[INFORMATION SHOWN — start]
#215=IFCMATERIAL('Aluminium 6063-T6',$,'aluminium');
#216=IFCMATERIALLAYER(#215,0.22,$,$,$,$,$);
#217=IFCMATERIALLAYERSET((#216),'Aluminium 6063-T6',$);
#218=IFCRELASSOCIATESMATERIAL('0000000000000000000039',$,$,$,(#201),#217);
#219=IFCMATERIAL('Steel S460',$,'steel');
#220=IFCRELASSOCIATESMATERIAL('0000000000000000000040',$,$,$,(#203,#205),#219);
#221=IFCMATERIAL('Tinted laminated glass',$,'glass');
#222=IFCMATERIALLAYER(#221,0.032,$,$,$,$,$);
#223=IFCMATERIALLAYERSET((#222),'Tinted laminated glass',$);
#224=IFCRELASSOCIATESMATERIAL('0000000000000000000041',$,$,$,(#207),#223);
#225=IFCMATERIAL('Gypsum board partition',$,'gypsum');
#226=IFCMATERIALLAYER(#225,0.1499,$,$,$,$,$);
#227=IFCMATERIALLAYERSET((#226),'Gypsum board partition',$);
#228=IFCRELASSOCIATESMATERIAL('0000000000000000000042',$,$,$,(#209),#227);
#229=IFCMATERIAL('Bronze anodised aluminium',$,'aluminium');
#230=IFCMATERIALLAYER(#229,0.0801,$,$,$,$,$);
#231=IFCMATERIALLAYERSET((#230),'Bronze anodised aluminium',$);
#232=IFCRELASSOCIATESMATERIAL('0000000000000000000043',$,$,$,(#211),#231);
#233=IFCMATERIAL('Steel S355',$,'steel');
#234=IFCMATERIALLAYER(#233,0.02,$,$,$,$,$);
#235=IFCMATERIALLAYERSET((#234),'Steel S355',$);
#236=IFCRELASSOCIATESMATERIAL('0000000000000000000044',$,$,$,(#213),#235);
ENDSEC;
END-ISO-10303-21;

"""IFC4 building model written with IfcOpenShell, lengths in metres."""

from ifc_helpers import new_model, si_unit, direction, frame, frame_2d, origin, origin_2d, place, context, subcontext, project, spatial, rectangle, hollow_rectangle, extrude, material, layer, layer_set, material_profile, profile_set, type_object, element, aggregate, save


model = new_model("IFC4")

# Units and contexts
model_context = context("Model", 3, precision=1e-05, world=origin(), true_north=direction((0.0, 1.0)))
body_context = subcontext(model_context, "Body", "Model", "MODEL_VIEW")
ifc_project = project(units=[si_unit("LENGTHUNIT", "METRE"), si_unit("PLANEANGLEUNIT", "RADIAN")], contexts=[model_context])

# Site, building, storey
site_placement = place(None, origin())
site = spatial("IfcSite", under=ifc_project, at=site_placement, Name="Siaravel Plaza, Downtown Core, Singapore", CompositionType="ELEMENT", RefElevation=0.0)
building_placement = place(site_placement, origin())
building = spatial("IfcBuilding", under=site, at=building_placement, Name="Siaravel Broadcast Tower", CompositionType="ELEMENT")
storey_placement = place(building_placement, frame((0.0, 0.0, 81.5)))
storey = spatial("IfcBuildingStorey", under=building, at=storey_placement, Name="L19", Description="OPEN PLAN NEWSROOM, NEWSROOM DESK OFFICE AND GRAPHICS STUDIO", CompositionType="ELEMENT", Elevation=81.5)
[INFORMATION SHOWN — finish]
> _WORK INSTRUCTION_: Return the number of lines in the records holding the string "origin", without any other words.

> _ANSWER BOX_: 4